Using the data that follows, return exactly the lines from the one that contains "#29=IFCINDEXEDPOLYGONALFACE((9,30,32,11));" through the one that contains "#34=IFCINDEXEDPOLYGONALFACE((14,16,37,35));", ends included.
══ Source data ══
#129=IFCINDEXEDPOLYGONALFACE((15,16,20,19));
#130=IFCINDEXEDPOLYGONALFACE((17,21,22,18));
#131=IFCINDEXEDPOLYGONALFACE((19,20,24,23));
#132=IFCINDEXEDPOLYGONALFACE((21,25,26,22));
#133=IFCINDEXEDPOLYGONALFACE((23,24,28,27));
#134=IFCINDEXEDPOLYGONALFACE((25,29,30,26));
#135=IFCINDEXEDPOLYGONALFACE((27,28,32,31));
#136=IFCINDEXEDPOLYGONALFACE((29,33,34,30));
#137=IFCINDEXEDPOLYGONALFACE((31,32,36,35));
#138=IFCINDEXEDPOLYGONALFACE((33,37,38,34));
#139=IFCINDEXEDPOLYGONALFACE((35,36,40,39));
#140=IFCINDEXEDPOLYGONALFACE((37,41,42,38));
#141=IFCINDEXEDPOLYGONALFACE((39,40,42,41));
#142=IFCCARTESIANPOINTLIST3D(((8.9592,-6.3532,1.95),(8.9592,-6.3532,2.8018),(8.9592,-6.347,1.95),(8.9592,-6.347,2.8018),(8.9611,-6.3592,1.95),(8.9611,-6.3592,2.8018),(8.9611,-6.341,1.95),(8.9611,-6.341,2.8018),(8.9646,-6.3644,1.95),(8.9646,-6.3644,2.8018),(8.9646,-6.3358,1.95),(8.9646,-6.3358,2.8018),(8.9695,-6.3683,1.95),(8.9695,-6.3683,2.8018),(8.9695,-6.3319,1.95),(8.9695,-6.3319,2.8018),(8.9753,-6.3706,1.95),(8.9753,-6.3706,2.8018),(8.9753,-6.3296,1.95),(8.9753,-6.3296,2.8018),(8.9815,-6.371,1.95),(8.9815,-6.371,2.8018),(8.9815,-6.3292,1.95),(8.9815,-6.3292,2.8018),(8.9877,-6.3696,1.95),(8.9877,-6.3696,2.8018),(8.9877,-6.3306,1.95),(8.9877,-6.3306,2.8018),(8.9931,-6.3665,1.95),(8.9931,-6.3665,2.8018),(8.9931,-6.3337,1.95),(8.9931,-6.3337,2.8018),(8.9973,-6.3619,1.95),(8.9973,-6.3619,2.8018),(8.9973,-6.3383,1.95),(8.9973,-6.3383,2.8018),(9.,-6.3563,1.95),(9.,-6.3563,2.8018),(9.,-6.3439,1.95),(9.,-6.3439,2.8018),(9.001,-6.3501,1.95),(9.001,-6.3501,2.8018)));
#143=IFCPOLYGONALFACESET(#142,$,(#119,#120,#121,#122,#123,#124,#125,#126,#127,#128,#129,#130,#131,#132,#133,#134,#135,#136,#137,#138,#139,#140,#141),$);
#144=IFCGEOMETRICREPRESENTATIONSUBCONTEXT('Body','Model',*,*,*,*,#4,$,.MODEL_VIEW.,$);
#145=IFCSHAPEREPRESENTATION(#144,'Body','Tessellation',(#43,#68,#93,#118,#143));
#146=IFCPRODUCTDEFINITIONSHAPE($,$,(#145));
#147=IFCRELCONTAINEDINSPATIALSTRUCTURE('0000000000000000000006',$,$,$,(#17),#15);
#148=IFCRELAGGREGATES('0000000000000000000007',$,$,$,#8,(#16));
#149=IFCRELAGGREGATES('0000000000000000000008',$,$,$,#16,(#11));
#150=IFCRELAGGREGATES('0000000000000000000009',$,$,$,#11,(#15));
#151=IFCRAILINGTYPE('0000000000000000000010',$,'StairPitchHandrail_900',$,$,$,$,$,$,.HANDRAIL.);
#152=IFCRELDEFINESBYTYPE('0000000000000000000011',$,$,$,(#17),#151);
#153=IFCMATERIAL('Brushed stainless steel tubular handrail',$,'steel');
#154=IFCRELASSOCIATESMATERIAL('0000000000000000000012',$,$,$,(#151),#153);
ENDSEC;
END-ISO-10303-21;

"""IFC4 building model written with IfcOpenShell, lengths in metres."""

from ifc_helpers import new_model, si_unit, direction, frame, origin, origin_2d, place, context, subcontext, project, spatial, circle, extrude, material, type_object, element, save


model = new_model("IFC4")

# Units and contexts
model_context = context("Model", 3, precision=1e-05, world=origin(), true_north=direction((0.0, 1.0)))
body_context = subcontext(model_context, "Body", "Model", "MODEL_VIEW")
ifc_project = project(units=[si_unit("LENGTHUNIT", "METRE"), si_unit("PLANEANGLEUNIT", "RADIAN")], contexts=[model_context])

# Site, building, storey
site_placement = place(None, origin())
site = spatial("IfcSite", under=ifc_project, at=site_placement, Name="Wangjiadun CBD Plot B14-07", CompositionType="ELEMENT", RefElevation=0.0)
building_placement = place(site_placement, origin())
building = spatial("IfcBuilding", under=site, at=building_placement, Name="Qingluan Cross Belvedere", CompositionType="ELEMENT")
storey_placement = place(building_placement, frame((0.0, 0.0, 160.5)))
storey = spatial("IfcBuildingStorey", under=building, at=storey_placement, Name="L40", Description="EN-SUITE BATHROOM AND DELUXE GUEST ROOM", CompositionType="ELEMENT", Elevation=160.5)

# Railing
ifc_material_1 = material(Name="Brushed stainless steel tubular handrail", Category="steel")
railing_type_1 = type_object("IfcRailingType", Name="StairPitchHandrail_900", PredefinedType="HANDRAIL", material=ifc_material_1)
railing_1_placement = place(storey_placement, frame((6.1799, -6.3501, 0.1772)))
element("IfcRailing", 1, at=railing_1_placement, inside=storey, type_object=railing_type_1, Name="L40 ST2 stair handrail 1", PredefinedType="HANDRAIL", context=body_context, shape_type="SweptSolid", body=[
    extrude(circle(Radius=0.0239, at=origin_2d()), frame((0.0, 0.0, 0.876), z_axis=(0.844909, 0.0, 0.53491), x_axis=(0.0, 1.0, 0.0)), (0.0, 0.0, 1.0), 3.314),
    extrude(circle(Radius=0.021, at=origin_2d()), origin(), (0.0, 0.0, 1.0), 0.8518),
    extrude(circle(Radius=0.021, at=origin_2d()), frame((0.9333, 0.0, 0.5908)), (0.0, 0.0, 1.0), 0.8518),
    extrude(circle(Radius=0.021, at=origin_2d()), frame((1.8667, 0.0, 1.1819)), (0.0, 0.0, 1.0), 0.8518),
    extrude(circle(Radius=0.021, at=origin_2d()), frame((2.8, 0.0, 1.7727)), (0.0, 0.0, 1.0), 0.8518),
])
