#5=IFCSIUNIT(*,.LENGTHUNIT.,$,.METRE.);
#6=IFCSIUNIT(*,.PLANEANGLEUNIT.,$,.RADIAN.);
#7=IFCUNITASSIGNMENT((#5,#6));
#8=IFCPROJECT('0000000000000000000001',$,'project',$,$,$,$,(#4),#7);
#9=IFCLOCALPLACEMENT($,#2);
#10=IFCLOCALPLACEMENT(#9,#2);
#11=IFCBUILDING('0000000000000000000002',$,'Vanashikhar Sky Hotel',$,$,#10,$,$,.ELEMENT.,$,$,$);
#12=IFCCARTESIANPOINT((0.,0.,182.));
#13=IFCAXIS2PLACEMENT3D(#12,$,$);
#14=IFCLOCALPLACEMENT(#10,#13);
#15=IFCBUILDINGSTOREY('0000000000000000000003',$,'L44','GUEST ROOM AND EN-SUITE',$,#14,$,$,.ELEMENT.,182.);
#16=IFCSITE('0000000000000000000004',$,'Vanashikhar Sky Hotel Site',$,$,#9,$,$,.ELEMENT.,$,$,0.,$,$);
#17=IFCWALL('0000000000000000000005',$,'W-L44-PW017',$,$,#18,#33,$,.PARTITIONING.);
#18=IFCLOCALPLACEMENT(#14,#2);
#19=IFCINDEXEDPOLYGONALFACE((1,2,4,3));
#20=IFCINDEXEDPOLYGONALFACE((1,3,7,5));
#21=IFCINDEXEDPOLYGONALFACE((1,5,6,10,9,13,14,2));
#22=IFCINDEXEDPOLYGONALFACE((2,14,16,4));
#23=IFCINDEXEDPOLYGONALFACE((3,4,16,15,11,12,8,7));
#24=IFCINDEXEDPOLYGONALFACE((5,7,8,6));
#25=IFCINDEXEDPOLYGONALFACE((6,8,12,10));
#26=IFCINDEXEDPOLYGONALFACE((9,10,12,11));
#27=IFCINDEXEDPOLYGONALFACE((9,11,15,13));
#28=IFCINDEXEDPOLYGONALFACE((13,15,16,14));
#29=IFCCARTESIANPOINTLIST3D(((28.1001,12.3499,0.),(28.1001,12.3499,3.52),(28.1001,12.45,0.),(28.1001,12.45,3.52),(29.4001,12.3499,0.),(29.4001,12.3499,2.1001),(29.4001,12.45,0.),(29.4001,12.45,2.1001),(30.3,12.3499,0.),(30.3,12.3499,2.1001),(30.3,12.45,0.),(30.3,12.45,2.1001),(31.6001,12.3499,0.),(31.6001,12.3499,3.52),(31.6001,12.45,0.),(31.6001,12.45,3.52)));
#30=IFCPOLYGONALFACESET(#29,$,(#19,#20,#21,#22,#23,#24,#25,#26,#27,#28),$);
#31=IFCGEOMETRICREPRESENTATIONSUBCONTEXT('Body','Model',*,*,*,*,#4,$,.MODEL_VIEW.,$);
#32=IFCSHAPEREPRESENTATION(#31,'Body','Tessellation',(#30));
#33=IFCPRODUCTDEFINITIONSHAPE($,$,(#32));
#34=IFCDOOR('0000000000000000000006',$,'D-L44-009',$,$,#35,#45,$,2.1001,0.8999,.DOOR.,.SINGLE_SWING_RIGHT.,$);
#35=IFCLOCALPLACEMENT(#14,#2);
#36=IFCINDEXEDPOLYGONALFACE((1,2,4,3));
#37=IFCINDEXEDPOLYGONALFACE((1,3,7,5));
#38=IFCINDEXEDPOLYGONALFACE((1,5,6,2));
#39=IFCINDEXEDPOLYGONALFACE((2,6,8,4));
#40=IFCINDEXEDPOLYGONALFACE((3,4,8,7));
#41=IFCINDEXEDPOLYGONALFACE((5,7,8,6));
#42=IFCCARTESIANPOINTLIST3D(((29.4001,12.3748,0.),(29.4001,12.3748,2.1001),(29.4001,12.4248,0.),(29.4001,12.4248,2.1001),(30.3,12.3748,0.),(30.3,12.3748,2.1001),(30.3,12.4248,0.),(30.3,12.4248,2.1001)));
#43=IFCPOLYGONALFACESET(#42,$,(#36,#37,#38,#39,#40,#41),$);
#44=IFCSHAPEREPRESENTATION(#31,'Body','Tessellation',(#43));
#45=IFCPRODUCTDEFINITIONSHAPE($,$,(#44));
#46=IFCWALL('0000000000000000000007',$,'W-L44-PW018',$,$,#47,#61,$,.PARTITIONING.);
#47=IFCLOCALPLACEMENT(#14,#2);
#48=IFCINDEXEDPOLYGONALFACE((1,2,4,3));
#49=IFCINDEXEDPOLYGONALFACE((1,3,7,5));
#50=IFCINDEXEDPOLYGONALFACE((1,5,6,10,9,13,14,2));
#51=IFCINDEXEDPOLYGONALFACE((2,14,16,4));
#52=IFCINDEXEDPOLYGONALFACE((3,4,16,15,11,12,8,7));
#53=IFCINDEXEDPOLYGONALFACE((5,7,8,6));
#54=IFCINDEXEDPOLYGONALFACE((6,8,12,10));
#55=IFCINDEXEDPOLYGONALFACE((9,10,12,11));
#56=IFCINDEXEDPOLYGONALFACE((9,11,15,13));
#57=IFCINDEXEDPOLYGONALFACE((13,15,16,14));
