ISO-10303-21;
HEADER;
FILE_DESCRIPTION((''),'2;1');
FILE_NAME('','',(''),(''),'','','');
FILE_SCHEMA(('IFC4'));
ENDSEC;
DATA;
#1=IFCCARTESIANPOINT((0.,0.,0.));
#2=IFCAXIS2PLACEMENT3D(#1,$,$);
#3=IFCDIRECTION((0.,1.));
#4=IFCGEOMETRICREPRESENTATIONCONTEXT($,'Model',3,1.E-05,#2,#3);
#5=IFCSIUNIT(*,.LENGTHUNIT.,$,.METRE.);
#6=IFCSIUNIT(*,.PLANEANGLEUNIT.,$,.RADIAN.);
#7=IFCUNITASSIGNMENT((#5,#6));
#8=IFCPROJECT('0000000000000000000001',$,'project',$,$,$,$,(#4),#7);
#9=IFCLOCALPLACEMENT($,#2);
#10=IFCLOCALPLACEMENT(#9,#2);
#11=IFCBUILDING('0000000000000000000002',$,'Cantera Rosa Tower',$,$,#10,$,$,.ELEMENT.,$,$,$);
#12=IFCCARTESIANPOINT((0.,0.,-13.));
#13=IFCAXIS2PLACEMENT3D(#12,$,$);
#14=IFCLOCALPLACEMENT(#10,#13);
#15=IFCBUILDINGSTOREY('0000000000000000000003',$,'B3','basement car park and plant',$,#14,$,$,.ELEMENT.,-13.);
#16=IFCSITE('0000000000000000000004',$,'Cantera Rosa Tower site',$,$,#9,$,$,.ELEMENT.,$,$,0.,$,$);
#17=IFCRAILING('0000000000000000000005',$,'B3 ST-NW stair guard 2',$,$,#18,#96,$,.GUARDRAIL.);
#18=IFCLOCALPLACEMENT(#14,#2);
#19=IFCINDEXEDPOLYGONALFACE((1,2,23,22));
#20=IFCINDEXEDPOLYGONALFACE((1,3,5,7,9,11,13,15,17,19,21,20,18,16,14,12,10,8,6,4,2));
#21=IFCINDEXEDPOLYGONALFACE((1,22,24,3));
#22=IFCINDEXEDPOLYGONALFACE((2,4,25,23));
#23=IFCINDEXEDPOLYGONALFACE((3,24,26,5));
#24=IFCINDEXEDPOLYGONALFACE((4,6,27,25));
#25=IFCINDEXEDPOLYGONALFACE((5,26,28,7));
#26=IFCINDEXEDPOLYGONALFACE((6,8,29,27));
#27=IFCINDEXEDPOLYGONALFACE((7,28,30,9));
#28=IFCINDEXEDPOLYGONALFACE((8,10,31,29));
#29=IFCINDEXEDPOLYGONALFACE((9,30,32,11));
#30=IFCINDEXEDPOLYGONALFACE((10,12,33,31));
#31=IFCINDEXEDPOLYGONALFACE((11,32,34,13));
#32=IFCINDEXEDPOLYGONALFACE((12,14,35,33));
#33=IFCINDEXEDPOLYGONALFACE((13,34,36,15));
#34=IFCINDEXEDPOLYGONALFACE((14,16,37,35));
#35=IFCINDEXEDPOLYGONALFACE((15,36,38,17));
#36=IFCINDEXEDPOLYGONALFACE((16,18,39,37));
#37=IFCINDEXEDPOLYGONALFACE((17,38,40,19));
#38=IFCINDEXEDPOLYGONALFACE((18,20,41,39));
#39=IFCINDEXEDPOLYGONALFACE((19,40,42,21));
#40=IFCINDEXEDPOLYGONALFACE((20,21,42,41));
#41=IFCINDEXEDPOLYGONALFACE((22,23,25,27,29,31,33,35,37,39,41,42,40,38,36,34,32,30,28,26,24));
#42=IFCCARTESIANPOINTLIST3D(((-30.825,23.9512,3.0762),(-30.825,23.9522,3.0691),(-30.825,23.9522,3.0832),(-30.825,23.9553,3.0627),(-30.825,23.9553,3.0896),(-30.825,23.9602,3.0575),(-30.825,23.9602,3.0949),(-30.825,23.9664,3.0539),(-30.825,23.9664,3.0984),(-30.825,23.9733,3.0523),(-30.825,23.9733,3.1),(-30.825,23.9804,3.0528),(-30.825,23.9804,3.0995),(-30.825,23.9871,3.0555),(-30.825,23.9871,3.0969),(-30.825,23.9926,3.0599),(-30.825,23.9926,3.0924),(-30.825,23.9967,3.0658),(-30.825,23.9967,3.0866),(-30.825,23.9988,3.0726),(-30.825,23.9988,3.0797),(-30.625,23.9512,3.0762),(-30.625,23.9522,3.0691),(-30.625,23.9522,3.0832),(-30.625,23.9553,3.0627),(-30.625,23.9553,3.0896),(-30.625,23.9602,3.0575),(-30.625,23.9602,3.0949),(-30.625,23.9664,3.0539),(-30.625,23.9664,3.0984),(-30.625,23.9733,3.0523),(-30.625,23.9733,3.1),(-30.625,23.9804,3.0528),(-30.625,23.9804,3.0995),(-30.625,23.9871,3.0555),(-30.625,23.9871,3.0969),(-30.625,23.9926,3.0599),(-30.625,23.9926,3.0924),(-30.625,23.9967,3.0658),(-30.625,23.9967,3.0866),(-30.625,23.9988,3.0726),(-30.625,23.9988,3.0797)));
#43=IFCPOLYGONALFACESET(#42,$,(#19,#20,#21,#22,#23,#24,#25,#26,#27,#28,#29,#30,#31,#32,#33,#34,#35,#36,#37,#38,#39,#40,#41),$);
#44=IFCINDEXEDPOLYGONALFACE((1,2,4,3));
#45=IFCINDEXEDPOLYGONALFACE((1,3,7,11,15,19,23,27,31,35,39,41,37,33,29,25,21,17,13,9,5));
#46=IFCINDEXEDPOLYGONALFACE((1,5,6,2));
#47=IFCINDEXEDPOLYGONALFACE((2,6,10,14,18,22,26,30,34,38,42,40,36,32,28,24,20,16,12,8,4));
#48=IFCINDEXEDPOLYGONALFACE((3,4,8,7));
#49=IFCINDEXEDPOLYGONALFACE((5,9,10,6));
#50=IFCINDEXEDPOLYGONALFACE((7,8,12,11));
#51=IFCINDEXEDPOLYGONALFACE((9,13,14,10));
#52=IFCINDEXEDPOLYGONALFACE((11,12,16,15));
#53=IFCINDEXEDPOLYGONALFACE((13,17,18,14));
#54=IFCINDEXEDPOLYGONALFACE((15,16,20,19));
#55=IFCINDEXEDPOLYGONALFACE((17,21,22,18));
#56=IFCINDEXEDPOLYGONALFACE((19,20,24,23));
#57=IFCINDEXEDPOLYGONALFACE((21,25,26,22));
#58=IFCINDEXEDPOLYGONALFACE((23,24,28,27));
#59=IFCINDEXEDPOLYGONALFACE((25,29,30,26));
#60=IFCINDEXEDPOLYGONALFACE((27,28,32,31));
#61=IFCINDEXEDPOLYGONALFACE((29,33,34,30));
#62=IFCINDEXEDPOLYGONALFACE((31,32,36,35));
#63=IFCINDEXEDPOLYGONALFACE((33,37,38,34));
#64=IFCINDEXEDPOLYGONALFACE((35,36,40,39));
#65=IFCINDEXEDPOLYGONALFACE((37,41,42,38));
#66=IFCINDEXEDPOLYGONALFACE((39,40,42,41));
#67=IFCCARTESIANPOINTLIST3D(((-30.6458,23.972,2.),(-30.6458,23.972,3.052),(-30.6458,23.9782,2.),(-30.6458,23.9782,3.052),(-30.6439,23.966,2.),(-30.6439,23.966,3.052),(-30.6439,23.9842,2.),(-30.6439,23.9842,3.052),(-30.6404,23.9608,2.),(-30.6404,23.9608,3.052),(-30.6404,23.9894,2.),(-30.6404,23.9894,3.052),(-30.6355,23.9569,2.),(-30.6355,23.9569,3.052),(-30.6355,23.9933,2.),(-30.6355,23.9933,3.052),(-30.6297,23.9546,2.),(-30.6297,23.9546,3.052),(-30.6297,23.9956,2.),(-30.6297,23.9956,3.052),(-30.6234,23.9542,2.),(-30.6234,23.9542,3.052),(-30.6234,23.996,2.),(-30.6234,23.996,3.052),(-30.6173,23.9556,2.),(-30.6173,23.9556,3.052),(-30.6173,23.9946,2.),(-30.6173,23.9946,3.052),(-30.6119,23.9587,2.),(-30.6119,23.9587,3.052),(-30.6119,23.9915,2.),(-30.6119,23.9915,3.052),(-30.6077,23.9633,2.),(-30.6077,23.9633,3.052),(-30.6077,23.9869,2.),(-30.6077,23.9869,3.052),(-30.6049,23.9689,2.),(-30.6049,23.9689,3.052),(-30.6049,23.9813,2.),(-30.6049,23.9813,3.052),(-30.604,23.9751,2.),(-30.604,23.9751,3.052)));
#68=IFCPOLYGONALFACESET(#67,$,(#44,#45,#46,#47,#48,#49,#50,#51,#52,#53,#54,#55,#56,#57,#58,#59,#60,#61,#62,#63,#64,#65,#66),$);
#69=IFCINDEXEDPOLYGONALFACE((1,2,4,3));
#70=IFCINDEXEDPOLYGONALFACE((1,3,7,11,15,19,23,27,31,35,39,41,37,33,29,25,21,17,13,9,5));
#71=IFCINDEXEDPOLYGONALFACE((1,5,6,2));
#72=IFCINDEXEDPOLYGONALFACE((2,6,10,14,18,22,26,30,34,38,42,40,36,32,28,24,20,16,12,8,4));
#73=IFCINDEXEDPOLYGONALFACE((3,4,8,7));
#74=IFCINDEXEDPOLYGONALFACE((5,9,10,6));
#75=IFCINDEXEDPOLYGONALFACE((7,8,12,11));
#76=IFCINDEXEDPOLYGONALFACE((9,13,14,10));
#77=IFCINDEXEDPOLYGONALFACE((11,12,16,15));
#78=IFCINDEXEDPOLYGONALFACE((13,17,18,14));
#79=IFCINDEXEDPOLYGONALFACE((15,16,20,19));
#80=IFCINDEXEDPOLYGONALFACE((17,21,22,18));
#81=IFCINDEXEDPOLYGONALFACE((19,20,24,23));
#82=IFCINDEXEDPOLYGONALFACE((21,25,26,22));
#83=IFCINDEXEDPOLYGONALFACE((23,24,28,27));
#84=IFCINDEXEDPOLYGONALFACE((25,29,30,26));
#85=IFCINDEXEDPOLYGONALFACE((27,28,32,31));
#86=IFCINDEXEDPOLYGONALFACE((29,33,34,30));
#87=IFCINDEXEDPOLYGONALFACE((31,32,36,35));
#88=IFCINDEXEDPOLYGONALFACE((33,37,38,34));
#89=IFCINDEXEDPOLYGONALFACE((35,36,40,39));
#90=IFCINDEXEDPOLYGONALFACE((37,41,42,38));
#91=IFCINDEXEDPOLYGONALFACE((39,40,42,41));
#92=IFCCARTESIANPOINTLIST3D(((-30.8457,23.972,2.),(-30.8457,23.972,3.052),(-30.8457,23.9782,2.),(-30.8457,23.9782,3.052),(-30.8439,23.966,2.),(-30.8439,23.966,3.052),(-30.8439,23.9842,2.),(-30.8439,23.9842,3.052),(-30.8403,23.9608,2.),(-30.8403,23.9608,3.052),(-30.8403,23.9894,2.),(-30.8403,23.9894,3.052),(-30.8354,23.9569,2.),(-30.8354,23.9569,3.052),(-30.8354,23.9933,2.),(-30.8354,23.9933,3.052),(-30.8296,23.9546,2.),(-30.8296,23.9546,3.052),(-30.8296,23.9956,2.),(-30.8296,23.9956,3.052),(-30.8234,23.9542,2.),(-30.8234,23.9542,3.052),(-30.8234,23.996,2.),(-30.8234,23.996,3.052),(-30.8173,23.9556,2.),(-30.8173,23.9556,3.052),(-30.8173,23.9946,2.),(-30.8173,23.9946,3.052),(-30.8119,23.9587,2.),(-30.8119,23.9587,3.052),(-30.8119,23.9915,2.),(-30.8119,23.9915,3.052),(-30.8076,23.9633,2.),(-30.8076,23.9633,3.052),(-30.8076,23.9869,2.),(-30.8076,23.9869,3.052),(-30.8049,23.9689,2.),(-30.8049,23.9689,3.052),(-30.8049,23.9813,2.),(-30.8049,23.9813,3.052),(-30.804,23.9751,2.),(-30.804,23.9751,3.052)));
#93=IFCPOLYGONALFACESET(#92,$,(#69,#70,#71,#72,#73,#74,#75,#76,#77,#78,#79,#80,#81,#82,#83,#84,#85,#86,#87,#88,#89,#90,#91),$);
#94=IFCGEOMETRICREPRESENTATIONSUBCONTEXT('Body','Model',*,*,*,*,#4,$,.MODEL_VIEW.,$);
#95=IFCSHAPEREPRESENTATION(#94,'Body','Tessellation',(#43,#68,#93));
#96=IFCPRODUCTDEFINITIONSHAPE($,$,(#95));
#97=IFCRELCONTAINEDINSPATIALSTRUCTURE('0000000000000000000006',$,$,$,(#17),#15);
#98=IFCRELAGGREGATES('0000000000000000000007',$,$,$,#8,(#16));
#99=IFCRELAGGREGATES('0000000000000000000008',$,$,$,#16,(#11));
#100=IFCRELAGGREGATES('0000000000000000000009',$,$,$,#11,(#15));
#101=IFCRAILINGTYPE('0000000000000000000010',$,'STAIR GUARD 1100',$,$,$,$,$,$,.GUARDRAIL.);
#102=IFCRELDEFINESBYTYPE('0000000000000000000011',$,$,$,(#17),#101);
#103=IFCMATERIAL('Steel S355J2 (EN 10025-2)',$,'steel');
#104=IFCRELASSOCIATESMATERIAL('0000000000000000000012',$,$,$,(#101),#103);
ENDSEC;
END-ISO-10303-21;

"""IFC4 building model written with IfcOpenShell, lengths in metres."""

from ifc_helpers import new_model, si_unit, direction, frame, origin, origin_2d, place, context, subcontext, project, spatial, circle, extrude, material, type_object, element, save


model = new_model("IFC4")

# Units and contexts
model_context = context("Model", 3, precision=1e-05, world=origin(), true_north=direction((0.0, 1.0)))
body_context = subcontext(model_context, "Body", "Model", "MODEL_VIEW")
ifc_project = project(units=[si_unit("LENGTHUNIT", "METRE"), si_unit("PLANEANGLEUNIT", "RADIAN")], contexts=[model_context])

# Site, building, storey
site_placement = place(None, origin())
site = spatial("IfcSite", under=ifc_project, at=site_placement, Name="Cantera Rosa Tower site", CompositionType="ELEMENT", RefElevation=0.0)
building_placement = place(site_placement, origin())
building = spatial("IfcBuilding", under=site, at=building_placement, Name="Cantera Rosa Tower", CompositionType="ELEMENT")
storey_placement = place(building_placement, frame((0.0, 0.0, -13.0)))
storey = spatial("IfcBuildingStorey", under=building, at=storey_placement, Name="B3", Description="basement car park and plant", CompositionType="ELEMENT", Elevation=-13.0)

# Railing
ifc_material_1 = material(Name="Steel S355J2 (EN 10025-2)", Category="steel")
railing_type_1 = type_object("IfcRailingType", Name="STAIR GUARD 1100", PredefinedType="GUARDRAIL", material=ifc_material_1)
railing_1_placement = place(storey_placement, frame((-30.625, 23.9751, 2.0)))
element("IfcRailing", 1, at=railing_1_placement, inside=storey, type_object=railing_type_1, Name="B3 ST-NW stair guard 2", PredefinedType="GUARDRAIL", context=body_context, shape_type="SweptSolid", body=[
    extrude(circle(Radius=0.0239, at=origin_2d()), frame((0.0, 0.0, 1.0762), z_axis=(-1.0, 0.0, 0.0), x_axis=(0.0, -1.0, 0.0)), (0.0, 0.0, 1.0), 0.2),
    extrude(circle(Radius=0.021, at=origin_2d()), origin(), (0.0, 0.0, 1.0), 1.052),
    extrude(circle(Radius=0.021, at=origin_2d()), frame((-0.2, 0.0, 0.0)), (0.0, 0.0, 1.0), 1.052),
])

save(model, "model.ifc")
═══
## Your solution
#29=IFCINDEXEDPOLYGONALFACE((9,30,32,11));
#30=IFCINDEXEDPOLYGONALFACE((10,12,33,31));
#31=IFCINDEXEDPOLYGONALFACE((11,32,34,13));
#32=IFCINDEXEDPOLYGONALFACE((12,14,35,33));
#33=IFCINDEXEDPOLYGONALFACE((13,34,36,15));
#34=IFCINDEXEDPOLYGONALFACE((14,16,37,35));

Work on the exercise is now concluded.